* TASK OBJECTIVE: Write out exactly the lines from the start of the entries through the one that contains "#157=IFCINDEXEDPOLYGONALFACE((5,7,8,6));", including both.

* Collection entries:
________________________

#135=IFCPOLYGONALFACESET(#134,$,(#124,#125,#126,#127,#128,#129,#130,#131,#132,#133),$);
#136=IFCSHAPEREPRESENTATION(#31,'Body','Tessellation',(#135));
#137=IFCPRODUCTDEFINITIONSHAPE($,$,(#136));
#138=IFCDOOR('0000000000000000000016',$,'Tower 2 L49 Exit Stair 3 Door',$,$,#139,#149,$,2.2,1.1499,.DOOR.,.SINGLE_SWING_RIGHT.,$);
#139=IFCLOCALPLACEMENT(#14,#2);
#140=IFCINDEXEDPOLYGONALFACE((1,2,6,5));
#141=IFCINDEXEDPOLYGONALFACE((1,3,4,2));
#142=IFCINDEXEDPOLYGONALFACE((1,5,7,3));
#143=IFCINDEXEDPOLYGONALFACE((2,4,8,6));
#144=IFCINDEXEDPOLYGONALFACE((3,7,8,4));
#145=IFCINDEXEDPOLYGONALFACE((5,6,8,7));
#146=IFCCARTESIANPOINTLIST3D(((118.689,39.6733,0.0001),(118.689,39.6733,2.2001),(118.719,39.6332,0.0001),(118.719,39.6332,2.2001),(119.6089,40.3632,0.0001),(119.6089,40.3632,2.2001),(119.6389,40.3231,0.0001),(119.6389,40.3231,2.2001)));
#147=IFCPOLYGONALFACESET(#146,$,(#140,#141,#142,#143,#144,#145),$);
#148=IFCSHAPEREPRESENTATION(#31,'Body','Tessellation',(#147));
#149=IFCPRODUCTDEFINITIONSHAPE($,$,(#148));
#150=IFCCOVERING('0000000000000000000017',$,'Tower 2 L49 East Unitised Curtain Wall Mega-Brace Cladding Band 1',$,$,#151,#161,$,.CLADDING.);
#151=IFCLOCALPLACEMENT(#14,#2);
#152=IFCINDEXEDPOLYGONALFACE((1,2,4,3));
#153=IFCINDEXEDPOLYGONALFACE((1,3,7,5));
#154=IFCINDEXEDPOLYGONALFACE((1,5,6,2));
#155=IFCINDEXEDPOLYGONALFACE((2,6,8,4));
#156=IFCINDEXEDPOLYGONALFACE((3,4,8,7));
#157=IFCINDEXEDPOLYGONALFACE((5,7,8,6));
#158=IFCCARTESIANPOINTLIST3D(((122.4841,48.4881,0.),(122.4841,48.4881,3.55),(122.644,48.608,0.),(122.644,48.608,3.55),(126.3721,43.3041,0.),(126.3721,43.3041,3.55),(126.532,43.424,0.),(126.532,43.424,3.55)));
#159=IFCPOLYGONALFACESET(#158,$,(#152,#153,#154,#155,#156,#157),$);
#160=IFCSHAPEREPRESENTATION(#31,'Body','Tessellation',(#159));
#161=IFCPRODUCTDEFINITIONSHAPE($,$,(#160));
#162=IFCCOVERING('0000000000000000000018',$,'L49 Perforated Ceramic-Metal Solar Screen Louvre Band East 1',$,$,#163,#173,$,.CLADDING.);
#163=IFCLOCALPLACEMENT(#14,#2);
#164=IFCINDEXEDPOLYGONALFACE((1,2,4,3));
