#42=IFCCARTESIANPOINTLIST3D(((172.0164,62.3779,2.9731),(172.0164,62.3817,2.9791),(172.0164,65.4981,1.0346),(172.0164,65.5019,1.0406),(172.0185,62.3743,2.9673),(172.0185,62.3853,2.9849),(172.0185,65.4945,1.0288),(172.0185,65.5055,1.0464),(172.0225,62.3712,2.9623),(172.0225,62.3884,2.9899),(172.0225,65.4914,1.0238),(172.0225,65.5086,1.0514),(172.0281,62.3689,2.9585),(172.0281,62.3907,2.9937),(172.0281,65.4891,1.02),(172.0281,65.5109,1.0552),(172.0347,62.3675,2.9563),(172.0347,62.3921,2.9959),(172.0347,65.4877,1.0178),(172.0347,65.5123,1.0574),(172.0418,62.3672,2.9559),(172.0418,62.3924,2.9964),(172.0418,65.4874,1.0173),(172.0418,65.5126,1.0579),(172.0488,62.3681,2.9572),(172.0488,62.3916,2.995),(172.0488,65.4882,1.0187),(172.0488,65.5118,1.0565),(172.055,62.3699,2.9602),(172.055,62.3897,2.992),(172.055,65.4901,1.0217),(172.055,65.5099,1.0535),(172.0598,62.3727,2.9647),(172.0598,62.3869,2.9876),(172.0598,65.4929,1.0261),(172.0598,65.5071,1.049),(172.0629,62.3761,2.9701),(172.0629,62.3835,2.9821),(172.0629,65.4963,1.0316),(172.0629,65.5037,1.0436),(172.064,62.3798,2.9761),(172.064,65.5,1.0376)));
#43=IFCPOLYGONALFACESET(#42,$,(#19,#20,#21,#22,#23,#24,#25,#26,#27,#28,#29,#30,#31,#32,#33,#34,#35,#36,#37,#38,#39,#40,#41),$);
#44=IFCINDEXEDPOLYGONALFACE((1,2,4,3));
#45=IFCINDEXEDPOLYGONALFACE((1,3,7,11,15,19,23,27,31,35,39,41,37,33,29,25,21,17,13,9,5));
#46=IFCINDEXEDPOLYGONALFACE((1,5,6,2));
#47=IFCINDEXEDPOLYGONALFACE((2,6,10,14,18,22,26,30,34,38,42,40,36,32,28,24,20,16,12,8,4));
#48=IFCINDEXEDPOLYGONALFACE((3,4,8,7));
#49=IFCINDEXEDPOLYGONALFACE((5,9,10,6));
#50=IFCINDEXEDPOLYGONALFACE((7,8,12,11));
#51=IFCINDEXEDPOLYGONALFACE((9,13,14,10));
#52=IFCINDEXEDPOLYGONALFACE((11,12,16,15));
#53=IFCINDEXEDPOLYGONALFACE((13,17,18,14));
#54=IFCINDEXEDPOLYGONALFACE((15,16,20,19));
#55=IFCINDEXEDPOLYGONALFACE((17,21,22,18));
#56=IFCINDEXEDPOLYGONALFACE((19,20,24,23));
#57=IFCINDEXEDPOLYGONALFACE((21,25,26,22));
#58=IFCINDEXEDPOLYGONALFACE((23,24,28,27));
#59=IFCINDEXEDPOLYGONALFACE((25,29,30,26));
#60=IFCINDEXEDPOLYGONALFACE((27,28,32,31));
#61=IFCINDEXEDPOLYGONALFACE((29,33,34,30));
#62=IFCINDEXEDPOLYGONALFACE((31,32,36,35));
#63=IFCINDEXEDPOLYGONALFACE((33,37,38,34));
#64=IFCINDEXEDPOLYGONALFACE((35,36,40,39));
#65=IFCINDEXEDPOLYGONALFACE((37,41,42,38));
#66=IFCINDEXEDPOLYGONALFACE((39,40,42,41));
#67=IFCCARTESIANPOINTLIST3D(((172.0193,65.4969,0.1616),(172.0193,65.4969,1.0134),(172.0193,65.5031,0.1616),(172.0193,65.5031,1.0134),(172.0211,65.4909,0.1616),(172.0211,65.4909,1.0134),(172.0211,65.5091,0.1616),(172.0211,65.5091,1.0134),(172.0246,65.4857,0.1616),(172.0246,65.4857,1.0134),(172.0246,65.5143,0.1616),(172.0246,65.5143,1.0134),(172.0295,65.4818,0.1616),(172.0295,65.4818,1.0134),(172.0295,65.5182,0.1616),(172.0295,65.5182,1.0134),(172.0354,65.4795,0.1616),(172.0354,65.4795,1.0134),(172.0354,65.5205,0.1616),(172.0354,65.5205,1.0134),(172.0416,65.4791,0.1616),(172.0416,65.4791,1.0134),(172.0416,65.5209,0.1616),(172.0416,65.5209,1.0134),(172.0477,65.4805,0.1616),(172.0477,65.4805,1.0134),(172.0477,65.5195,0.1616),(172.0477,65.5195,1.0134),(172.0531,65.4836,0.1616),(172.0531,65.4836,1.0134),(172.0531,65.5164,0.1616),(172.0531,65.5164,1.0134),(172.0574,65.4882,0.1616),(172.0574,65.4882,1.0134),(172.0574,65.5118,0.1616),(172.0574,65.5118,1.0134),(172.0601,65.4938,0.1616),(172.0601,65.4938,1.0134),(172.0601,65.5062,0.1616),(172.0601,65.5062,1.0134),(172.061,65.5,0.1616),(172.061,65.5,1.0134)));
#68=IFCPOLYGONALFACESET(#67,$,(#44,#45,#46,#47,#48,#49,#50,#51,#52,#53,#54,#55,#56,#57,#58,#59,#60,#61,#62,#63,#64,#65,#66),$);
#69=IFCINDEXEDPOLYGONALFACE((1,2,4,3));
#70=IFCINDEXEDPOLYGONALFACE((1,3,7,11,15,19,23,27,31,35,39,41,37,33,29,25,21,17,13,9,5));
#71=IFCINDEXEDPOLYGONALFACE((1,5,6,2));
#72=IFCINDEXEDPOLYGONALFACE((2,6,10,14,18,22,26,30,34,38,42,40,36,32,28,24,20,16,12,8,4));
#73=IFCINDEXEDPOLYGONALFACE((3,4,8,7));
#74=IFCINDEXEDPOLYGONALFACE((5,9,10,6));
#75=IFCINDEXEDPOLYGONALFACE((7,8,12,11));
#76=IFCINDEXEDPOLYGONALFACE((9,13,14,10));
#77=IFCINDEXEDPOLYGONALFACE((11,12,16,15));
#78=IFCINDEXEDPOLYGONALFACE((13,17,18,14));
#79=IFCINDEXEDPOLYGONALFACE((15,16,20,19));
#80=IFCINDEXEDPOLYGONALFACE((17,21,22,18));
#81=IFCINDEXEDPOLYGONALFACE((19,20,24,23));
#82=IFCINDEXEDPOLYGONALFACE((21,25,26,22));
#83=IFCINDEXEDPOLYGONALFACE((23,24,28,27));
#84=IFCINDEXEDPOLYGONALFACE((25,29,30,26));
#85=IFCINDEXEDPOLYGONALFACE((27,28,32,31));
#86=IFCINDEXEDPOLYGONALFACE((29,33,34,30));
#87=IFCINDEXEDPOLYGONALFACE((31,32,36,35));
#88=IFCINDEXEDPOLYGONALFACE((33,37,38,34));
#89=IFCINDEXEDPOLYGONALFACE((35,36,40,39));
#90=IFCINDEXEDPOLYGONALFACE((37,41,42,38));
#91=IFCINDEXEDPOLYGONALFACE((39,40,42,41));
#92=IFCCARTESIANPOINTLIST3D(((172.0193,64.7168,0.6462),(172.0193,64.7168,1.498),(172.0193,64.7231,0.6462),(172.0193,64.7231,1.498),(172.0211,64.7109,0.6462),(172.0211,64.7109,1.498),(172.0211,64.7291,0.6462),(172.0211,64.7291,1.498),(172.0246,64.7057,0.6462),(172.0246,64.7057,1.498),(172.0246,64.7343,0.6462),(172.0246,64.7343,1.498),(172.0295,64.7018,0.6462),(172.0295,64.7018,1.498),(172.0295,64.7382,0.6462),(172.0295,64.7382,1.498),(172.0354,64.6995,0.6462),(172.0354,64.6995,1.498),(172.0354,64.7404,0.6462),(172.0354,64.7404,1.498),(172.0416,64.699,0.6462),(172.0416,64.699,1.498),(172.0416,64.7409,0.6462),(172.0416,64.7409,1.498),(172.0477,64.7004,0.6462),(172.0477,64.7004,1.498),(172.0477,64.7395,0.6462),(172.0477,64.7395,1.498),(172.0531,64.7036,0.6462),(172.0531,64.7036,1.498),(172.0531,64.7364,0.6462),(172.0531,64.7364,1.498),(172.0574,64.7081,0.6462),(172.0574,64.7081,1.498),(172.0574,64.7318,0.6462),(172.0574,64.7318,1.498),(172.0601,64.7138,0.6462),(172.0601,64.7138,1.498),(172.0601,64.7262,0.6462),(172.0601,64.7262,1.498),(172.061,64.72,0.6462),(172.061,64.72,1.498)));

________________________

* YOUR SOLUTION:
#135=IFCPOLYGONALFACESET(#134,$,(#124,#125,#126,#127,#128,#129,#130,#131,#132,#133),$);
#136=IFCSHAPEREPRESENTATION(#31,'Body','Tessellation',(#135));
#137=IFCPRODUCTDEFINITIONSHAPE($,$,(#136));
#138=IFCDOOR('0000000000000000000016',$,'Tower 2 L49 Exit Stair 3 Door',$,$,#139,#149,$,2.2,1.1499,.DOOR.,.SINGLE_SWING_RIGHT.,$);
#139=IFCLOCALPLACEMENT(#14,#2);
#140=IFCINDEXEDPOLYGONALFACE((1,2,6,5));
#141=IFCINDEXEDPOLYGONALFACE((1,3,4,2));
#142=IFCINDEXEDPOLYGONALFACE((1,5,7,3));
#143=IFCINDEXEDPOLYGONALFACE((2,4,8,6));
#144=IFCINDEXEDPOLYGONALFACE((3,7,8,4));
#145=IFCINDEXEDPOLYGONALFACE((5,6,8,7));
#146=IFCCARTESIANPOINTLIST3D(((118.689,39.6733,0.0001),(118.689,39.6733,2.2001),(118.719,39.6332,0.0001),(118.719,39.6332,2.2001),(119.6089,40.3632,0.0001),(119.6089,40.3632,2.2001),(119.6389,40.3231,0.0001),(119.6389,40.3231,2.2001)));
#147=IFCPOLYGONALFACESET(#146,$,(#140,#141,#142,#143,#144,#145),$);
#148=IFCSHAPEREPRESENTATION(#31,'Body','Tessellation',(#147));
#149=IFCPRODUCTDEFINITIONSHAPE($,$,(#148));
#150=IFCCOVERING('0000000000000000000017',$,'Tower 2 L49 East Unitised Curtain Wall Mega-Brace Cladding Band 1',$,$,#151,#161,$,.CLADDING.);
#151=IFCLOCALPLACEMENT(#14,#2);
#152=IFCINDEXEDPOLYGONALFACE((1,2,4,3));
#153=IFCINDEXEDPOLYGONALFACE((1,3,7,5));
#154=IFCINDEXEDPOLYGONALFACE((1,5,6,2));
#155=IFCINDEXEDPOLYGONALFACE((2,6,8,4));
#156=IFCINDEXEDPOLYGONALFACE((3,4,8,7));
#157=IFCINDEXEDPOLYGONALFACE((5,7,8,6));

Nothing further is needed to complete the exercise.